* [REQUIRED ACTION]: Please copy out every line of the listing below in which the word "Tessellation" appears.

* [INFORMATION SHOWN]:
-----
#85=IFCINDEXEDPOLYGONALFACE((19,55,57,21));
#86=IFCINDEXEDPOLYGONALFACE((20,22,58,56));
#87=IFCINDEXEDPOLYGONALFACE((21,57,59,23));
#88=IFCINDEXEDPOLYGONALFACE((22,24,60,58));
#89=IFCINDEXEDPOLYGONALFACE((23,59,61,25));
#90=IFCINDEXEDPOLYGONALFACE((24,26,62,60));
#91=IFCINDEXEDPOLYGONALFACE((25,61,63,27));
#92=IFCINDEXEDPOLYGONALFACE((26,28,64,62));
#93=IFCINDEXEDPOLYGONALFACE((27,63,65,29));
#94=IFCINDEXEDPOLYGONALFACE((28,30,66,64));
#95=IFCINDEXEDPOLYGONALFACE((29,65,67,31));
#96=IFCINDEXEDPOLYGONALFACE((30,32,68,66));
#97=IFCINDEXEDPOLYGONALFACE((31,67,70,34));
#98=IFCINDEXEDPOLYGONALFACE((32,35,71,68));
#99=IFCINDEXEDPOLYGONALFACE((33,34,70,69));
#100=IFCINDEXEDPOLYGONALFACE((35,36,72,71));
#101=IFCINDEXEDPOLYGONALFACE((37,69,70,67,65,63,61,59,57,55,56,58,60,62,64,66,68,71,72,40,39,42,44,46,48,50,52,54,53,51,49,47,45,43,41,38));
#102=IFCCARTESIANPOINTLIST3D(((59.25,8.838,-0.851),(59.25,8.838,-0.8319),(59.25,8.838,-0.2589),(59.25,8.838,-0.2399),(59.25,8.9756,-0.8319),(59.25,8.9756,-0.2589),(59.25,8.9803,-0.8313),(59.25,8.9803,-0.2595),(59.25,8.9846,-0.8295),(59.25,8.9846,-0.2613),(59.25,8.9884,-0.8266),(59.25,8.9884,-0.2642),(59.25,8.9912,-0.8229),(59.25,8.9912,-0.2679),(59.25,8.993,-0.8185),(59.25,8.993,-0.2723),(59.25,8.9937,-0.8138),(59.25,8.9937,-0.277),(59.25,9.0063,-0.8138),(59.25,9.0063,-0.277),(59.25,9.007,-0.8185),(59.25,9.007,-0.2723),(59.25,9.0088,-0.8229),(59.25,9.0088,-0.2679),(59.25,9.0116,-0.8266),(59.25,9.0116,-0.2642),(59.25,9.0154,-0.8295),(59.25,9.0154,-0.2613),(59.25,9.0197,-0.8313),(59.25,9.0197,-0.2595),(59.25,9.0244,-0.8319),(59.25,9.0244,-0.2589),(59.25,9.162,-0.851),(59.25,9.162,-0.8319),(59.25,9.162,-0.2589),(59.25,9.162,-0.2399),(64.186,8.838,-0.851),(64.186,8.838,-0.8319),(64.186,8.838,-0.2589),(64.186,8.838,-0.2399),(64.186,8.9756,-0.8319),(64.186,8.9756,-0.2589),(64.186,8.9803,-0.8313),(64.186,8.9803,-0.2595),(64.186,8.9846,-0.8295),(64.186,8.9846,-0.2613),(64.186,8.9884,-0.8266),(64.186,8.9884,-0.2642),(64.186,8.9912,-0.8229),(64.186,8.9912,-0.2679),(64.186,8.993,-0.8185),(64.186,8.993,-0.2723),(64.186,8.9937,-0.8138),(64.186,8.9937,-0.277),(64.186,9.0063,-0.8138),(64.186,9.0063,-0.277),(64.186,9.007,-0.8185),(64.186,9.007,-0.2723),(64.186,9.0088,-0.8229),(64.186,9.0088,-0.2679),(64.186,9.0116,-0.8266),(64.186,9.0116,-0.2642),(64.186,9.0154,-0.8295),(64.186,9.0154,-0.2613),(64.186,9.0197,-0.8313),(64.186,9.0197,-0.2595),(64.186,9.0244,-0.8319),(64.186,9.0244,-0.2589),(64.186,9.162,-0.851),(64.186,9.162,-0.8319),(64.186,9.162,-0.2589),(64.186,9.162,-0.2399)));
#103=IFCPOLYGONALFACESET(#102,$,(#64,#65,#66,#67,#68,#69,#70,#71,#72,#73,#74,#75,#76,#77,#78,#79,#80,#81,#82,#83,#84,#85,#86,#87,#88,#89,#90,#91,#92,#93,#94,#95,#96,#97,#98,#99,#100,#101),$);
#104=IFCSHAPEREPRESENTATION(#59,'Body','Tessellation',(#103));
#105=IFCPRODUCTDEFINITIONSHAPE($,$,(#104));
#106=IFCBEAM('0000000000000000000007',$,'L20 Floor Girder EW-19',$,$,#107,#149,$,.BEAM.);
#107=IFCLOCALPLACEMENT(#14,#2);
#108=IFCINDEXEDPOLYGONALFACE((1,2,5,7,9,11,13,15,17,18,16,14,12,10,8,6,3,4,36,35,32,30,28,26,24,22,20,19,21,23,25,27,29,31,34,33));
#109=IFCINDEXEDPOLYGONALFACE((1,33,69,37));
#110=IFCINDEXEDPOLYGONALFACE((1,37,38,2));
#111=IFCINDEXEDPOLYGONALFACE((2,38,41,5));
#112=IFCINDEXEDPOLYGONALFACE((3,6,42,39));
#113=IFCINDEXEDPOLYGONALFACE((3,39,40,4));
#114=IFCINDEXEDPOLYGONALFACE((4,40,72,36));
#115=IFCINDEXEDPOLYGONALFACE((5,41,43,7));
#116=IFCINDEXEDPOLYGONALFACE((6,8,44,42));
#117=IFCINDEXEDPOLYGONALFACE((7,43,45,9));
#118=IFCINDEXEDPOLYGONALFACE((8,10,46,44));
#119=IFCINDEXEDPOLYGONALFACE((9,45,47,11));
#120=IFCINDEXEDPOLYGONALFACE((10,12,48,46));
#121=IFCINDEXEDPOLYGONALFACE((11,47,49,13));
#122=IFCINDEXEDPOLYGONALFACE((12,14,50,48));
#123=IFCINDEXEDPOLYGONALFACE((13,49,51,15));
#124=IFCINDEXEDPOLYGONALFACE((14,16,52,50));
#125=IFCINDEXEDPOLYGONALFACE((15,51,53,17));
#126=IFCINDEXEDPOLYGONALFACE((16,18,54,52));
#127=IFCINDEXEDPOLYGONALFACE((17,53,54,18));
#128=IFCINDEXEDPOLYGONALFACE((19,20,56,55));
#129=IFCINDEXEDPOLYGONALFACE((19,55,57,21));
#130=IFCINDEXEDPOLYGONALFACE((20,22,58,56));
-----
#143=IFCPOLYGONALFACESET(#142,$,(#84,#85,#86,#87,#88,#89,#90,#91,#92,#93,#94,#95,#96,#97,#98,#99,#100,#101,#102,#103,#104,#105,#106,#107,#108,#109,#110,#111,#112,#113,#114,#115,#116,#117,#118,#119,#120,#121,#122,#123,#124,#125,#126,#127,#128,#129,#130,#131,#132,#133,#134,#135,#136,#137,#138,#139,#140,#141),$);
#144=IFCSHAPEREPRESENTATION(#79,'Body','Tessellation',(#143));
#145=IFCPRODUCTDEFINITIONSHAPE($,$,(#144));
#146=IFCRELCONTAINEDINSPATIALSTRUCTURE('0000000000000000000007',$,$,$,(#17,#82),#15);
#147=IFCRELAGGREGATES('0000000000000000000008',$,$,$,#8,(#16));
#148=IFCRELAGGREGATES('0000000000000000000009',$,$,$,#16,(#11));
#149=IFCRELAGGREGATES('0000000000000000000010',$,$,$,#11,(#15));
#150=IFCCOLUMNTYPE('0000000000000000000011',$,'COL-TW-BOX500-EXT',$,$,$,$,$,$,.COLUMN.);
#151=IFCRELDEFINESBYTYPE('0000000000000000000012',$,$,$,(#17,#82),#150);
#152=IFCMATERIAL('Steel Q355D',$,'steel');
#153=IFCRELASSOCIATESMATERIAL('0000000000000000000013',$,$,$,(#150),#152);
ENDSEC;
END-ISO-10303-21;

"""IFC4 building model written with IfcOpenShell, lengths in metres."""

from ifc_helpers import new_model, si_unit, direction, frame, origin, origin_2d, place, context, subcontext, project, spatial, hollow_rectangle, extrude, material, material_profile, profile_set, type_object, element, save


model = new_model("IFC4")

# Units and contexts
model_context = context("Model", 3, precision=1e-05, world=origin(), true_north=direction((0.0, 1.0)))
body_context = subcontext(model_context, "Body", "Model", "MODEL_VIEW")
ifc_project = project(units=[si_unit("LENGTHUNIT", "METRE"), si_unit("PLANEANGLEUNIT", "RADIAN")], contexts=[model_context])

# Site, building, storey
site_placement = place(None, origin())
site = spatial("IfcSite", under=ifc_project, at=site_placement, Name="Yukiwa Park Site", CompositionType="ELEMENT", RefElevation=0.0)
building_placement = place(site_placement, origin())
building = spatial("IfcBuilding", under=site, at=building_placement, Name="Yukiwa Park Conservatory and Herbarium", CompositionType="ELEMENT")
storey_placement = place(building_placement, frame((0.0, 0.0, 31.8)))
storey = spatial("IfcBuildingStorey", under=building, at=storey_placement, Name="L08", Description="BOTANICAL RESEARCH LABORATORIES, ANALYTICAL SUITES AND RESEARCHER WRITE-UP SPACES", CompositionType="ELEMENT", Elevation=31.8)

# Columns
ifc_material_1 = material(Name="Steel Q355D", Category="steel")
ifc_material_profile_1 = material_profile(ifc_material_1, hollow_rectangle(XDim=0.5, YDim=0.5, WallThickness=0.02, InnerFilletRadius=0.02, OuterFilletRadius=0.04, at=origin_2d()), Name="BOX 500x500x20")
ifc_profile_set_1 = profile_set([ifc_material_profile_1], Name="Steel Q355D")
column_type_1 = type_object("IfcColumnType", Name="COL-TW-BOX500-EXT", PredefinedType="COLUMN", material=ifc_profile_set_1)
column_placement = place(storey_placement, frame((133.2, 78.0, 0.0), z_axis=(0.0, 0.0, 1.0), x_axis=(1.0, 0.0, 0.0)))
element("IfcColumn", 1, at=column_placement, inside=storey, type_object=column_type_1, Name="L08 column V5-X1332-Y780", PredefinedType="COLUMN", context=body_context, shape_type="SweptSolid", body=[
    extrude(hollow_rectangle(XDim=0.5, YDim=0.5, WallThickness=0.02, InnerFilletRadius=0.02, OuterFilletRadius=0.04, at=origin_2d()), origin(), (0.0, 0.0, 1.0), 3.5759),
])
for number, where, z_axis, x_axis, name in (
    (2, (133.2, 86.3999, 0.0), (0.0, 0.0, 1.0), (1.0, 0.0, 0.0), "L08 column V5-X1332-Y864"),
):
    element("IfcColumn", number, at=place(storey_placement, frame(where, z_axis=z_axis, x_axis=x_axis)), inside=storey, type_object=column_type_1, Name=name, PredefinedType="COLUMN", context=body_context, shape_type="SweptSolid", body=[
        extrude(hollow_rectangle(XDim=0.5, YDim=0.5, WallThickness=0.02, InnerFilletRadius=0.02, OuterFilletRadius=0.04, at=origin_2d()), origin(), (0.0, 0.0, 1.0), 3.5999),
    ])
-----
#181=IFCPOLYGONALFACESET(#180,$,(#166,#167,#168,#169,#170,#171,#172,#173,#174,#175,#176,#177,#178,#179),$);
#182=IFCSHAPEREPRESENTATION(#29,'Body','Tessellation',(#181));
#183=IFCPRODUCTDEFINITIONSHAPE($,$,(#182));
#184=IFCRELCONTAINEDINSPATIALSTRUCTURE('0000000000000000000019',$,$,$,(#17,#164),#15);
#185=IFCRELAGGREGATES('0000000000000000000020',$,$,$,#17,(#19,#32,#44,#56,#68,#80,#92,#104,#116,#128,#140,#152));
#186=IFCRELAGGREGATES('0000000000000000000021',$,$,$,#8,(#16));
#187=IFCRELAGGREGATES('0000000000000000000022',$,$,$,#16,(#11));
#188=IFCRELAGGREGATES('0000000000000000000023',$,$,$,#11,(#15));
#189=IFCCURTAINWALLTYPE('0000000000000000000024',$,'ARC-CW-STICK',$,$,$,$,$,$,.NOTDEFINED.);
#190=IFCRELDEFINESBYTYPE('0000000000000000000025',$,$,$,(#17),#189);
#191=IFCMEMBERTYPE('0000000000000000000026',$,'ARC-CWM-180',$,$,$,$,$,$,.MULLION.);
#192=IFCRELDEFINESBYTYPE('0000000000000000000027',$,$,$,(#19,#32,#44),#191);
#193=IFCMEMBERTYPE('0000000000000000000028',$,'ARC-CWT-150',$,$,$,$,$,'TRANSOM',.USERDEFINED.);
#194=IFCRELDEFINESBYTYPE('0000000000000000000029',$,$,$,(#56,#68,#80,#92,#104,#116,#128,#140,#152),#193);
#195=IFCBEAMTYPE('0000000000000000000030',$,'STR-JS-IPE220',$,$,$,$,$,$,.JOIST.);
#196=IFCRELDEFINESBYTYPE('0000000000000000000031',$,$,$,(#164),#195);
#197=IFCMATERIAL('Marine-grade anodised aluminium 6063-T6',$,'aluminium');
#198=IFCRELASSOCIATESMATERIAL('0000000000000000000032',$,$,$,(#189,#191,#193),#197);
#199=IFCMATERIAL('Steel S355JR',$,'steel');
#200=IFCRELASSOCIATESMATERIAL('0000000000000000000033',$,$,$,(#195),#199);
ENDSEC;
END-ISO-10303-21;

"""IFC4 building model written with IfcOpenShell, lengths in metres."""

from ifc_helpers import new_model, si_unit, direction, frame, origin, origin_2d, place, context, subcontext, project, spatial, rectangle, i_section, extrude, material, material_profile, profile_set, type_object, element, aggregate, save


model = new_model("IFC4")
-----
* [ANSWER BELOW]:
#104=IFCSHAPEREPRESENTATION(#59,'Body','Tessellation',(#103));
#144=IFCSHAPEREPRESENTATION(#79,'Body','Tessellation',(#143));
#182=IFCSHAPEREPRESENTATION(#29,'Body','Tessellation',(#181));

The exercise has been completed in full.